Dataset content:
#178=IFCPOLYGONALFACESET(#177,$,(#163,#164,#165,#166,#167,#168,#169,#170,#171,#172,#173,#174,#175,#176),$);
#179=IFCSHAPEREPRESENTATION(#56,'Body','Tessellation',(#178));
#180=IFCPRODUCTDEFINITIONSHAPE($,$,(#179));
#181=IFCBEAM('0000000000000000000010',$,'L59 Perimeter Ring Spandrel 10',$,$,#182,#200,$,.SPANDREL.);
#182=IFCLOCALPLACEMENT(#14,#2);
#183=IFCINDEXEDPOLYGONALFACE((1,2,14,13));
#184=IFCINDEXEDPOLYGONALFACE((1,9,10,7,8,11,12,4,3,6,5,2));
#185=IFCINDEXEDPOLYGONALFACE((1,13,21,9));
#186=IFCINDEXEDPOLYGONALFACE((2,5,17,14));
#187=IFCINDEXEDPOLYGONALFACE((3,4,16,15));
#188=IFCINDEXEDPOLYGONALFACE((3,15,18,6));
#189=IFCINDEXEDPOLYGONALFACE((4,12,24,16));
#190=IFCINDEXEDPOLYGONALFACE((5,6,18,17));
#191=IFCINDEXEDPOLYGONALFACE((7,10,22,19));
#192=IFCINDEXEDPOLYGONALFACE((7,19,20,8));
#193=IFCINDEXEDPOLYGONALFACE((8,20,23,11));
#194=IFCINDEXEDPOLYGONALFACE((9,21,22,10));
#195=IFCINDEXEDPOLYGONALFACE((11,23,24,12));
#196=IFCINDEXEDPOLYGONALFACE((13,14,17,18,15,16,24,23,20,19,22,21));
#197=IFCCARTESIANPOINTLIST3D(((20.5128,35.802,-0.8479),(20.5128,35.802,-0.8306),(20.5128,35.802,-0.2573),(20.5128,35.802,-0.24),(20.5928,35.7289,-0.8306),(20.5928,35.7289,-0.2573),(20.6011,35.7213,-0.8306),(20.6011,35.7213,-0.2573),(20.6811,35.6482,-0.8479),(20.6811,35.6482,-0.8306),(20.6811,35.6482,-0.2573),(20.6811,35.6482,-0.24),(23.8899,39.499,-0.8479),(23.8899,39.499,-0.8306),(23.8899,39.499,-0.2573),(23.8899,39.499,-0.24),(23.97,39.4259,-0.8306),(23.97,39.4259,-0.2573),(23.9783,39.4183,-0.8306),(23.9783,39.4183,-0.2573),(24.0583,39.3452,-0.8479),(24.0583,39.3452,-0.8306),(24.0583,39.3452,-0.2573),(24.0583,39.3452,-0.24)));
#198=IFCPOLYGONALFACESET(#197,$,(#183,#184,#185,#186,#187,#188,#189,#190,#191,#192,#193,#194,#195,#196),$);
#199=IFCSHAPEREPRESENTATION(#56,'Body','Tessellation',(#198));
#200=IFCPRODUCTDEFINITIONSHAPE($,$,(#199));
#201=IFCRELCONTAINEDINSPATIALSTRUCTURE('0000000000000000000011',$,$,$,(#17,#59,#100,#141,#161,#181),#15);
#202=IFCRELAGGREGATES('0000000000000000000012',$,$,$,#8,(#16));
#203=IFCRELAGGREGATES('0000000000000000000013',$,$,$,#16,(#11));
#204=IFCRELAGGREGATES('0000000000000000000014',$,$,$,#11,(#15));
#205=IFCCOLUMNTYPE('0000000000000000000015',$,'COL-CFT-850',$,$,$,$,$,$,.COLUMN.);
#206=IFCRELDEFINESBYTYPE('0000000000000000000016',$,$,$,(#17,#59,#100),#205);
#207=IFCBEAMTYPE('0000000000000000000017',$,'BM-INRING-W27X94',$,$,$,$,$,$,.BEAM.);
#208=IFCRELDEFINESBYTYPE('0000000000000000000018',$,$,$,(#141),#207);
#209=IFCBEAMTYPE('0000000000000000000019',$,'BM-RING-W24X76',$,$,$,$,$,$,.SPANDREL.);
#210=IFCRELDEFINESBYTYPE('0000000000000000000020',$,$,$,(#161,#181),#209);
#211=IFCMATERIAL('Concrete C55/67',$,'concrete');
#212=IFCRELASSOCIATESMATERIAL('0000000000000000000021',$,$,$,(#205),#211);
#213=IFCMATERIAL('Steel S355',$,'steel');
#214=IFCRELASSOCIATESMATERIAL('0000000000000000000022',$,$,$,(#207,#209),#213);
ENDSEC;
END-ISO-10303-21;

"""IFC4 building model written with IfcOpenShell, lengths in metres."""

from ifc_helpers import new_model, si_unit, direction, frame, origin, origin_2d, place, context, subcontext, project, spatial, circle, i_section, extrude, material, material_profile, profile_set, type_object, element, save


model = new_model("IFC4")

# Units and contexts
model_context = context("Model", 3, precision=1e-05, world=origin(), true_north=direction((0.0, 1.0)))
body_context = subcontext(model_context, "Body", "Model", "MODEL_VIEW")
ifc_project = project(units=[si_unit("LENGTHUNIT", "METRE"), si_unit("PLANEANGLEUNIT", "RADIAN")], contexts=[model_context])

==

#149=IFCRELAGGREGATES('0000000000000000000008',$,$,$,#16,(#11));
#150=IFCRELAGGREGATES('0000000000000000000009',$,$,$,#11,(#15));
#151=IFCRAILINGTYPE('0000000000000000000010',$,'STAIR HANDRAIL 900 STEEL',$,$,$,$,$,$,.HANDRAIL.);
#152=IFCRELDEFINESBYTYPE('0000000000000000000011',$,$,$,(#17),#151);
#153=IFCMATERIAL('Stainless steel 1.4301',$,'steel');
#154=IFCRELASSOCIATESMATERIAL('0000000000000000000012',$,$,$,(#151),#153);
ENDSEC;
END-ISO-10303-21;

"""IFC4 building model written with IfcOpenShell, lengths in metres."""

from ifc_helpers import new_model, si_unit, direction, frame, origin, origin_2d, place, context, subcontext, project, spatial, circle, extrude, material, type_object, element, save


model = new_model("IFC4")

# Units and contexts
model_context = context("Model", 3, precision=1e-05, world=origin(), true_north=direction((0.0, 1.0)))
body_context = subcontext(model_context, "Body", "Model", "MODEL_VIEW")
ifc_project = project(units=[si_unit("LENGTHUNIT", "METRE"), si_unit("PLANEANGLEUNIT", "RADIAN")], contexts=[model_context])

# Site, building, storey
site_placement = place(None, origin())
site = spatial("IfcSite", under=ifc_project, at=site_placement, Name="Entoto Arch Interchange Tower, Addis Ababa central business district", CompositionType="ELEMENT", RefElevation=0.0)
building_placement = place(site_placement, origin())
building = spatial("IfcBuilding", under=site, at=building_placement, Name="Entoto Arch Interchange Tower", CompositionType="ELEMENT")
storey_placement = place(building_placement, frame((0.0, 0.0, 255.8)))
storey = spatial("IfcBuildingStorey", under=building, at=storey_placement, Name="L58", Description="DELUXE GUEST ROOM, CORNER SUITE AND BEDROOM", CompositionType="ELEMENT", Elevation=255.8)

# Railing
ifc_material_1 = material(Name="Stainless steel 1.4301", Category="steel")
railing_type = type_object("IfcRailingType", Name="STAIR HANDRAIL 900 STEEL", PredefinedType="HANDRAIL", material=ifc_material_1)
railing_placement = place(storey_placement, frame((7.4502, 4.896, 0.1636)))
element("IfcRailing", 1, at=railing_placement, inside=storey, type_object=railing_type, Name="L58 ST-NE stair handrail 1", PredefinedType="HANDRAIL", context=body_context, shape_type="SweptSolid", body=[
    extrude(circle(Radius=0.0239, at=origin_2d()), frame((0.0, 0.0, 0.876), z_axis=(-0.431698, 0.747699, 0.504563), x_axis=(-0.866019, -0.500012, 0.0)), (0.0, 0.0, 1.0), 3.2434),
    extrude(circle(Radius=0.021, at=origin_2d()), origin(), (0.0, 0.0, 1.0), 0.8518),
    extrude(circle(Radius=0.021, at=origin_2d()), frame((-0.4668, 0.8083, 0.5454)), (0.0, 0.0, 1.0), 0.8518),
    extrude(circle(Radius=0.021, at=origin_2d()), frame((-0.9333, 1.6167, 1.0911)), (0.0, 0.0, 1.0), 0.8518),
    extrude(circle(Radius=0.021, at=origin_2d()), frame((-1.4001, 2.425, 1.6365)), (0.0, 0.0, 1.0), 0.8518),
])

What needs to be done:
From the listing above, return every line that contains the word "SPANDREL".

Answer section:
#181=IFCBEAM('0000000000000000000010',$,'L59 Perimeter Ring Spandrel 10',$,$,#182,#200,$,.SPANDREL.);
#209=IFCBEAMTYPE('0000000000000000000019',$,'BM-RING-W24X76',$,$,$,$,$,$,.SPANDREL.);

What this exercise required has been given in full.